- _The data_:

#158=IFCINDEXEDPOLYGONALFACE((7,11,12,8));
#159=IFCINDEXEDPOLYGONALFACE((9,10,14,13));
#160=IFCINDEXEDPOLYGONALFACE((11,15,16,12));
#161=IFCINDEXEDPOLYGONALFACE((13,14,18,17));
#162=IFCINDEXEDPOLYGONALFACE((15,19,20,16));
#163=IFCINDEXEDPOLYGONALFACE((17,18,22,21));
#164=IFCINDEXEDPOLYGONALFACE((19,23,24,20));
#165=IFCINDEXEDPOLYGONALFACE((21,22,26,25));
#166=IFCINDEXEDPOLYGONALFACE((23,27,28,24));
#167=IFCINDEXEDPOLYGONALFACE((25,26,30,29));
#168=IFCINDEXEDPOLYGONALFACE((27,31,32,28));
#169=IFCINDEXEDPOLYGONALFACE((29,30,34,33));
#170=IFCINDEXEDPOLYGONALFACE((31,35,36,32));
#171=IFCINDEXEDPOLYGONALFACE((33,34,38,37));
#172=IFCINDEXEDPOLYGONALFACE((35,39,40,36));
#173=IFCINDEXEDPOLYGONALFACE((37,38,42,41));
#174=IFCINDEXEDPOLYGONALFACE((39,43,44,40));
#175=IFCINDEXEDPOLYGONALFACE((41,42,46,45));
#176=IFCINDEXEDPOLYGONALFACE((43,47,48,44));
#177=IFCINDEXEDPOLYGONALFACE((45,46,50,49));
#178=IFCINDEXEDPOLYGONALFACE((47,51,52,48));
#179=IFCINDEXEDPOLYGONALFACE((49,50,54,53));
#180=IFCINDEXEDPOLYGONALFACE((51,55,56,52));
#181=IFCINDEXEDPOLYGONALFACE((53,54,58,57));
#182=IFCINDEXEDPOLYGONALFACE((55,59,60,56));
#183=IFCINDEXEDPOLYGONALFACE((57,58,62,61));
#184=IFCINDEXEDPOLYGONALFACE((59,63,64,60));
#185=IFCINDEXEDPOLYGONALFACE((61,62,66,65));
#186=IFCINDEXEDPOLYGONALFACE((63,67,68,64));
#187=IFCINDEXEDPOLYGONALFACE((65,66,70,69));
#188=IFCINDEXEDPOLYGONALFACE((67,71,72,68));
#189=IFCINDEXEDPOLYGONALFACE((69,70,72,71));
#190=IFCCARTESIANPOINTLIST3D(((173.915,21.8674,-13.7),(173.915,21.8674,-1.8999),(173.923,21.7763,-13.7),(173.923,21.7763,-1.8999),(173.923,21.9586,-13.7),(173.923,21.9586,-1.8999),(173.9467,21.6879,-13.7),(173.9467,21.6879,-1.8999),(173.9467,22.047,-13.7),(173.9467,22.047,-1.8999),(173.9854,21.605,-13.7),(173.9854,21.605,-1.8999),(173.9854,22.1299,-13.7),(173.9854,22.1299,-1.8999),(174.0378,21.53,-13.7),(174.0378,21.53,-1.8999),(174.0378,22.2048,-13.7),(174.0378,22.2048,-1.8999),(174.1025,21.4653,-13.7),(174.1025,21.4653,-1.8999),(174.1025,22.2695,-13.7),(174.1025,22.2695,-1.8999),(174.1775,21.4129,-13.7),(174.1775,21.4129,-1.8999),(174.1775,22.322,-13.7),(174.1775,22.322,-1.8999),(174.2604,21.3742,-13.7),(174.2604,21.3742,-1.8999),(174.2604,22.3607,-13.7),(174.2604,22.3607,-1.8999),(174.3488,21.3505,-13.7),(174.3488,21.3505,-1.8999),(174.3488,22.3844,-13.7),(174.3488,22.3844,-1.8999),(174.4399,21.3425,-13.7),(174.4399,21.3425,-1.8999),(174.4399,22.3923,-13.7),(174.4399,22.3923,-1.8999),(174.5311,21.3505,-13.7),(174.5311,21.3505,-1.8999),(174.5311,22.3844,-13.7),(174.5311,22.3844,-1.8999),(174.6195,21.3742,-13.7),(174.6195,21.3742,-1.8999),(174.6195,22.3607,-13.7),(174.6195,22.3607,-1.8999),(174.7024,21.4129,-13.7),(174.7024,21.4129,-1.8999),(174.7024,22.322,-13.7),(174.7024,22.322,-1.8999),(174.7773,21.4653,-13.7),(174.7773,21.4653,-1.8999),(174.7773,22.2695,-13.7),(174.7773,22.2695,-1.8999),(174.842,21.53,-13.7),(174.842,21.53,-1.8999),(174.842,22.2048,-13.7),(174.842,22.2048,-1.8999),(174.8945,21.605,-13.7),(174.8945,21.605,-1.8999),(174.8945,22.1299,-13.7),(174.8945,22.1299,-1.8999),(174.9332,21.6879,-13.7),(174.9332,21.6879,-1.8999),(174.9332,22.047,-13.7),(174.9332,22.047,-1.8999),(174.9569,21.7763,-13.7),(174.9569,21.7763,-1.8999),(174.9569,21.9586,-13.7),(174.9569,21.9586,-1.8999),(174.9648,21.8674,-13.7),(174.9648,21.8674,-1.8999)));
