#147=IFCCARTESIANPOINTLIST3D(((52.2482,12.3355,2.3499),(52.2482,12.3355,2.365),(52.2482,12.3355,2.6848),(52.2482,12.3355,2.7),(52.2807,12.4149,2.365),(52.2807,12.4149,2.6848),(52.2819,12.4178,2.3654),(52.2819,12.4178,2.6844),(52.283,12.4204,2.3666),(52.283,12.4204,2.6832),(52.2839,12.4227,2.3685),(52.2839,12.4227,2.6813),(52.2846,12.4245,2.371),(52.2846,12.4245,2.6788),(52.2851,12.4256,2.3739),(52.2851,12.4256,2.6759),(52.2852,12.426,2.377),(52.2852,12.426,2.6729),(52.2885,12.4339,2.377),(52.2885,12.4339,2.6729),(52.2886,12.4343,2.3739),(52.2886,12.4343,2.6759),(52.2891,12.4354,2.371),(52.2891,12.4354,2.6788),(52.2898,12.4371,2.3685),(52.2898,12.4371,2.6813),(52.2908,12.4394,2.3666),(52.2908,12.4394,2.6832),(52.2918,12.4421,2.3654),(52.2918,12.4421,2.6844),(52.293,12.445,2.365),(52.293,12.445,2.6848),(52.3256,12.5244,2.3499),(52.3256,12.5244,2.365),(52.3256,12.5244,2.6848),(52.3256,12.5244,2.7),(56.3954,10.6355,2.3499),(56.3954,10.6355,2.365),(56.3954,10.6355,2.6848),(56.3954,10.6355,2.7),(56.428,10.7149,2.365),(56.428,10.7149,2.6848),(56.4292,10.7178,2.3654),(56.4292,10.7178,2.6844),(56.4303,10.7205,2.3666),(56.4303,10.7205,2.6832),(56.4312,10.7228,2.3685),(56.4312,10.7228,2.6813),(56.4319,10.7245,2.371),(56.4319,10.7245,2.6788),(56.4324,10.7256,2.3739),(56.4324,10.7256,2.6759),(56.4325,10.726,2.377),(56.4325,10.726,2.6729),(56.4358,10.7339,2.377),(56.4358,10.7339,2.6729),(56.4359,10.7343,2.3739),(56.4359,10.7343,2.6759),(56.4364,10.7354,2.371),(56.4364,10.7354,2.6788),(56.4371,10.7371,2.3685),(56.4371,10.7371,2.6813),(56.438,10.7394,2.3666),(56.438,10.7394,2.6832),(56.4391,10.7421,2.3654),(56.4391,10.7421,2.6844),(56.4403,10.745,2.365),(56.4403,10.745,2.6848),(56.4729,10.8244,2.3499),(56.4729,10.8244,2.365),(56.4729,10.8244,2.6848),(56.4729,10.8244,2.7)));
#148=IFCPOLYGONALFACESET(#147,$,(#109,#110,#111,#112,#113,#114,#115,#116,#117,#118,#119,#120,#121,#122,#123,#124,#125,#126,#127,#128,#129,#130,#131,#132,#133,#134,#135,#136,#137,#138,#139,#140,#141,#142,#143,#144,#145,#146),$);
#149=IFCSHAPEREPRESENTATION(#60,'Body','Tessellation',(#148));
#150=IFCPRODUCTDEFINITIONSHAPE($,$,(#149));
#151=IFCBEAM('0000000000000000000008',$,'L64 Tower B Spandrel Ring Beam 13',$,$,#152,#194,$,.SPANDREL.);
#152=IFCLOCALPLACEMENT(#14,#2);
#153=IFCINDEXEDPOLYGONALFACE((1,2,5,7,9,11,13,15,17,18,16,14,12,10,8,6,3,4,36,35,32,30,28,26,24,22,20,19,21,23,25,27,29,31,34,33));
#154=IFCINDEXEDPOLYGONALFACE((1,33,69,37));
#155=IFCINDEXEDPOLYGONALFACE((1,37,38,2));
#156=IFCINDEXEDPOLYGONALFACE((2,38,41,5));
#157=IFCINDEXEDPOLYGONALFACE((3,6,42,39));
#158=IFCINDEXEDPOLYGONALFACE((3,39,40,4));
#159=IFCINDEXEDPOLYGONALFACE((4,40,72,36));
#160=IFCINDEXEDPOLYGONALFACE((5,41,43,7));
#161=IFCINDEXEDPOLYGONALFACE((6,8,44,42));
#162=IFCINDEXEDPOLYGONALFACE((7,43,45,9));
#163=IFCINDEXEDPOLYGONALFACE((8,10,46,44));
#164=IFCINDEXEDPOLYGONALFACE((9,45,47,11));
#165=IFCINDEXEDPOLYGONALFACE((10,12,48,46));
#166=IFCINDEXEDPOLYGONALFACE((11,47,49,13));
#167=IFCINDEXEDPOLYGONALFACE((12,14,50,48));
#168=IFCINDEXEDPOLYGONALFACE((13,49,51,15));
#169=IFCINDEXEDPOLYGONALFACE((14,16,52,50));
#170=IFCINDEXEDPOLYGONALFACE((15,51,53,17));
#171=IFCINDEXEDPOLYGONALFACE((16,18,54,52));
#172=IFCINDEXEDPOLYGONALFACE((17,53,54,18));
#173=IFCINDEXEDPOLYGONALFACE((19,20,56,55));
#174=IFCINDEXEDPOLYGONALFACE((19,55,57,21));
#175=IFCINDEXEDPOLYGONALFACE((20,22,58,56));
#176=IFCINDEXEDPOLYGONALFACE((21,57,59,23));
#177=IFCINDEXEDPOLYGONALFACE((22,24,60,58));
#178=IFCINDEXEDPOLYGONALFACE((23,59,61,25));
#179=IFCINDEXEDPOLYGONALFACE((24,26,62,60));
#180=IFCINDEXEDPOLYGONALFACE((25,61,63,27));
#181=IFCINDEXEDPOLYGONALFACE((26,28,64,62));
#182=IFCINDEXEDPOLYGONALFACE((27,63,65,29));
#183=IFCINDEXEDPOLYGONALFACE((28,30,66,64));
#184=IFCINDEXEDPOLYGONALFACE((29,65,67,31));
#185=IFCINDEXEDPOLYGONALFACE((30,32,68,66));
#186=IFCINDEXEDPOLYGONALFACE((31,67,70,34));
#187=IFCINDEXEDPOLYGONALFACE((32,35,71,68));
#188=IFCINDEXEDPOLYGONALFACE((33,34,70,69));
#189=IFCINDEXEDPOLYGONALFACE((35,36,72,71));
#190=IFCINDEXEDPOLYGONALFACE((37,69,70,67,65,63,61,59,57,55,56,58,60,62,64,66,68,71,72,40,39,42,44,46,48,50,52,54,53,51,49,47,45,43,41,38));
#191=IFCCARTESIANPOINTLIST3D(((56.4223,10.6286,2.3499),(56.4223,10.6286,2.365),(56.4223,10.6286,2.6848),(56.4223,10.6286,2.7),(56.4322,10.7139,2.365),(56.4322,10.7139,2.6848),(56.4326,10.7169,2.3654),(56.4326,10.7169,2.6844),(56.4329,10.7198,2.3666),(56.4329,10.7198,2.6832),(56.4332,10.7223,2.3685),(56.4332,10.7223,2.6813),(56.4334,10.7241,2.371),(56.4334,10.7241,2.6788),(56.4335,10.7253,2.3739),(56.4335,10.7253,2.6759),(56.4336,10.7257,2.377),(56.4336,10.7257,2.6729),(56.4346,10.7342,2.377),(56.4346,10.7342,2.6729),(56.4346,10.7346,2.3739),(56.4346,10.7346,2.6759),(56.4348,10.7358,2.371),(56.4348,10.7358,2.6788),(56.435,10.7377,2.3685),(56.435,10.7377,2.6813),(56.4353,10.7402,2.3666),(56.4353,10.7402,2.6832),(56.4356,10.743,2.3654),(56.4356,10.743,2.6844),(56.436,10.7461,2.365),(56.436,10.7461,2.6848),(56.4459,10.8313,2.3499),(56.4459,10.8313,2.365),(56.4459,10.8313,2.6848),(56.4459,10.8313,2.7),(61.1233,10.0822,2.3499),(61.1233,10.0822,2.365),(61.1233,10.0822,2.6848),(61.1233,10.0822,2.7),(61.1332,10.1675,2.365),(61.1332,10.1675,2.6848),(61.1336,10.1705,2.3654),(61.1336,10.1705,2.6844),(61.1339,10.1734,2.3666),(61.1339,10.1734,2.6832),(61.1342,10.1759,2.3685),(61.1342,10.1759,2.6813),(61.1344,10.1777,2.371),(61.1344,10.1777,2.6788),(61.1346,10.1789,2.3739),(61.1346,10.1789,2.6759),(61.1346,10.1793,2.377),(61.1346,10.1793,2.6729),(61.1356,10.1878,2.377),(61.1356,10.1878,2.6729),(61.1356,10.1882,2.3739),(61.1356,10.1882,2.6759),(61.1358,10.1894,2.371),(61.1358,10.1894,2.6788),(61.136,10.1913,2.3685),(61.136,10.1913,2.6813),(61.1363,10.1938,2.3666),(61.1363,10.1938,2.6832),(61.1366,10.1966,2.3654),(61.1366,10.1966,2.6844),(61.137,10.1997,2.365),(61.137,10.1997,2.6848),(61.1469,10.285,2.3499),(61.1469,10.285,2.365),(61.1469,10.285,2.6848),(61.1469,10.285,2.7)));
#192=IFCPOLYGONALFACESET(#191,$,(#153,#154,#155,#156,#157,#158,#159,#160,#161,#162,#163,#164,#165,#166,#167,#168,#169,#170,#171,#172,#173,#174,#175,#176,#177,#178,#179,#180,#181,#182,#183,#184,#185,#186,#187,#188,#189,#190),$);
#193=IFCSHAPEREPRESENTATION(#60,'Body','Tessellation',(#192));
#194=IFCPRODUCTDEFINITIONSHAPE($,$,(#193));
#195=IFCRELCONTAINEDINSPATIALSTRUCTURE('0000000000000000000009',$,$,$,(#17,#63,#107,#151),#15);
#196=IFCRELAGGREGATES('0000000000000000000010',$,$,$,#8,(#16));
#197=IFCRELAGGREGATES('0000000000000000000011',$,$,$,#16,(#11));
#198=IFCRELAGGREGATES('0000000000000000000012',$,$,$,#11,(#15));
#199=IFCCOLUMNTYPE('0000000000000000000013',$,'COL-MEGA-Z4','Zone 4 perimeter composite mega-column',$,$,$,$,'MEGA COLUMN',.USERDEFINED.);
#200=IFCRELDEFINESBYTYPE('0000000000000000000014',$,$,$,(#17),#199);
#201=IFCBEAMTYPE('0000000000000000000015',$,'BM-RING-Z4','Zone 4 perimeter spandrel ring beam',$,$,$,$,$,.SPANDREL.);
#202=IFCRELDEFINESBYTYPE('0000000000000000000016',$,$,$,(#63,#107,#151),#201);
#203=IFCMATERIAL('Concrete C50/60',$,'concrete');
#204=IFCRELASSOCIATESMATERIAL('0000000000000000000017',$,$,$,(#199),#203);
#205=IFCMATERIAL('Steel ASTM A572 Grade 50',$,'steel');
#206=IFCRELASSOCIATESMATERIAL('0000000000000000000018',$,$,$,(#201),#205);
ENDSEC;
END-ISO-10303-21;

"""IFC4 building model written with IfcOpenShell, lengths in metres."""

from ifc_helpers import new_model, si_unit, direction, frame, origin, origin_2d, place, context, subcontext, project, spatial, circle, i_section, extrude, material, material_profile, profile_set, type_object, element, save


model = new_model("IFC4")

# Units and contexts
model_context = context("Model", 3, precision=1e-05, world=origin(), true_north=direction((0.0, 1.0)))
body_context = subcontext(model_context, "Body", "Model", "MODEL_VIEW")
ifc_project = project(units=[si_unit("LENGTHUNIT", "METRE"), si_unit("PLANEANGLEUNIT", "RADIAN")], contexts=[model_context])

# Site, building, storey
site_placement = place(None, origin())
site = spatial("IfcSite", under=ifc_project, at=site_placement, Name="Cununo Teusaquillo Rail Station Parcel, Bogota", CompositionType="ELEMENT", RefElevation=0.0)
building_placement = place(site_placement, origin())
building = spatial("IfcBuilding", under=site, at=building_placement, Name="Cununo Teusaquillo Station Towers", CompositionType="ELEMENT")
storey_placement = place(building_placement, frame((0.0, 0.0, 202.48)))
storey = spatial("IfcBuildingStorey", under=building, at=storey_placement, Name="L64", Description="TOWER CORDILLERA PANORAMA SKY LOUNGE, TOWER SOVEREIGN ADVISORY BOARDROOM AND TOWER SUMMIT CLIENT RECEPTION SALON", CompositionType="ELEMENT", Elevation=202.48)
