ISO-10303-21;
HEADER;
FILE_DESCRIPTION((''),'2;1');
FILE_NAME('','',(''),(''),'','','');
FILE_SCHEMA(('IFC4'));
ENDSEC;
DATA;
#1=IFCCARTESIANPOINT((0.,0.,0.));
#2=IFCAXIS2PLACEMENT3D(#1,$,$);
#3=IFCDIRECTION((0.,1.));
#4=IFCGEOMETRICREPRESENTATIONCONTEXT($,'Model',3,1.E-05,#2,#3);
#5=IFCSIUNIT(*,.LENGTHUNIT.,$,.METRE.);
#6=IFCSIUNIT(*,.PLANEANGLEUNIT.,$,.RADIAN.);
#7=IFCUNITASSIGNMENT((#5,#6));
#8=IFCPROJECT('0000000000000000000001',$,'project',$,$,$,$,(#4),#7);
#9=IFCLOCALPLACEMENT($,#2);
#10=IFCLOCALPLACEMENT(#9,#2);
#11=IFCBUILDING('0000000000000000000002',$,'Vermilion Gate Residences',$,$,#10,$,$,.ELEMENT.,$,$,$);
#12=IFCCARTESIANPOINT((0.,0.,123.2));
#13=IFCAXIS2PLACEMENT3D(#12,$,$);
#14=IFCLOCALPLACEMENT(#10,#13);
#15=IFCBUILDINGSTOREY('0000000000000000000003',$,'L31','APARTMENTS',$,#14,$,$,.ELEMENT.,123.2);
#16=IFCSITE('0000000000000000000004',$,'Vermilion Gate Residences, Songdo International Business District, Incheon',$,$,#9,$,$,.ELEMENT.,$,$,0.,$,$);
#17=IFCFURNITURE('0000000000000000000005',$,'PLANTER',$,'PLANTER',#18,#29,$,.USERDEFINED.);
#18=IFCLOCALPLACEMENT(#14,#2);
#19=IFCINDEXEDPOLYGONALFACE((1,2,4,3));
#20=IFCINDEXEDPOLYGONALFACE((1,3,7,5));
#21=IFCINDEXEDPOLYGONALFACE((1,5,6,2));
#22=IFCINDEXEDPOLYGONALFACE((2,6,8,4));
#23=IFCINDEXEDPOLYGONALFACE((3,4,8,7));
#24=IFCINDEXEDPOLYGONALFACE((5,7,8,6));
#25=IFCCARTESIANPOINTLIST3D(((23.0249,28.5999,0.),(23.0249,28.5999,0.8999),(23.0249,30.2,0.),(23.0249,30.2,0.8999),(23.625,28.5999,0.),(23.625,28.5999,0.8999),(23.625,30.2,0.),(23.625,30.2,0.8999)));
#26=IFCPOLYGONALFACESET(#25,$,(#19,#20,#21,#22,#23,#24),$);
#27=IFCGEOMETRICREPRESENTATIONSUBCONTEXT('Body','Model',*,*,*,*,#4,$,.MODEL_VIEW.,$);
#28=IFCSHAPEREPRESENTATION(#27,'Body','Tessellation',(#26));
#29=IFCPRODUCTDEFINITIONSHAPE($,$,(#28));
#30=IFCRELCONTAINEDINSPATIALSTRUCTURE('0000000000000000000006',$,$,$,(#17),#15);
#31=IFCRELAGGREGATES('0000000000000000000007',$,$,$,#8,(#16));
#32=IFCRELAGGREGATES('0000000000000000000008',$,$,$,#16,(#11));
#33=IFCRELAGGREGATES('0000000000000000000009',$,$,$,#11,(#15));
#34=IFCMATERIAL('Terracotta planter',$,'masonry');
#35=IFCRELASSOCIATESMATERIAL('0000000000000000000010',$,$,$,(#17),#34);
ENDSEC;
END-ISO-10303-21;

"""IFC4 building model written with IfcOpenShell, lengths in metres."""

from ifc_helpers import new_model, si_unit, direction, frame, origin, origin_2d, place, context, subcontext, project, spatial, rectangle, extrude, material, element, save


model = new_model("IFC4")

# Units and contexts
model_context = context("Model", 3, precision=1e-05, world=origin(), true_north=direction((0.0, 1.0)))
body_context = subcontext(model_context, "Body", "Model", "MODEL_VIEW")
ifc_project = project(units=[si_unit("LENGTHUNIT", "METRE"), si_unit("PLANEANGLEUNIT", "RADIAN")], contexts=[model_context])

# Site, building, storey
site_placement = place(None, origin())
site = spatial("IfcSite", under=ifc_project, at=site_placement, Name="Vermilion Gate Residences, Songdo International Business District, Incheon", CompositionType="ELEMENT", RefElevation=0.0)
building_placement = place(site_placement, origin())
building = spatial("IfcBuilding", under=site, at=building_placement, Name="Vermilion Gate Residences", CompositionType="ELEMENT")
storey_placement = place(building_placement, frame((0.0, 0.0, 123.2)))
storey = spatial("IfcBuildingStorey", under=building, at=storey_placement, Name="L31", Description="APARTMENTS", CompositionType="ELEMENT", Elevation=123.2)

# Furniture
ifc_material_1 = material(Name="Terracotta planter", Category="masonry")
furniture_placement = place(storey_placement, frame((23.325, 29.3999, 0.0), z_axis=(0.0, 0.0, 1.0), x_axis=(0.0, 1.0, 0.0)))
element("IfcFurniture", 1, at=furniture_placement, inside=storey, material=ifc_material_1, Name="PLANTER", ObjectType="PLANTER", PredefinedType="USERDEFINED", context=body_context, shape_type="SweptSolid", body=[
    extrude(rectangle(XDim=1.6001, YDim=0.6001, at=origin_2d()), origin(), (0.0, 0.0, 1.0), 0.8999),
])

save(model, "model.ifc")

- _To do_: Set down, exactly as written, each line of the data from its opening line through the one containing "#166=IFCINDEXEDPOLYGONALFACE((23,27,28,24));". Output nothing more.

- _Written response_:
#158=IFCINDEXEDPOLYGONALFACE((7,11,12,8));
#159=IFCINDEXEDPOLYGONALFACE((9,10,14,13));
#160=IFCINDEXEDPOLYGONALFACE((11,15,16,12));
#161=IFCINDEXEDPOLYGONALFACE((13,14,18,17));
#162=IFCINDEXEDPOLYGONALFACE((15,19,20,16));
#163=IFCINDEXEDPOLYGONALFACE((17,18,22,21));
#164=IFCINDEXEDPOLYGONALFACE((19,23,24,20));
#165=IFCINDEXEDPOLYGONALFACE((21,22,26,25));
#166=IFCINDEXEDPOLYGONALFACE((23,27,28,24));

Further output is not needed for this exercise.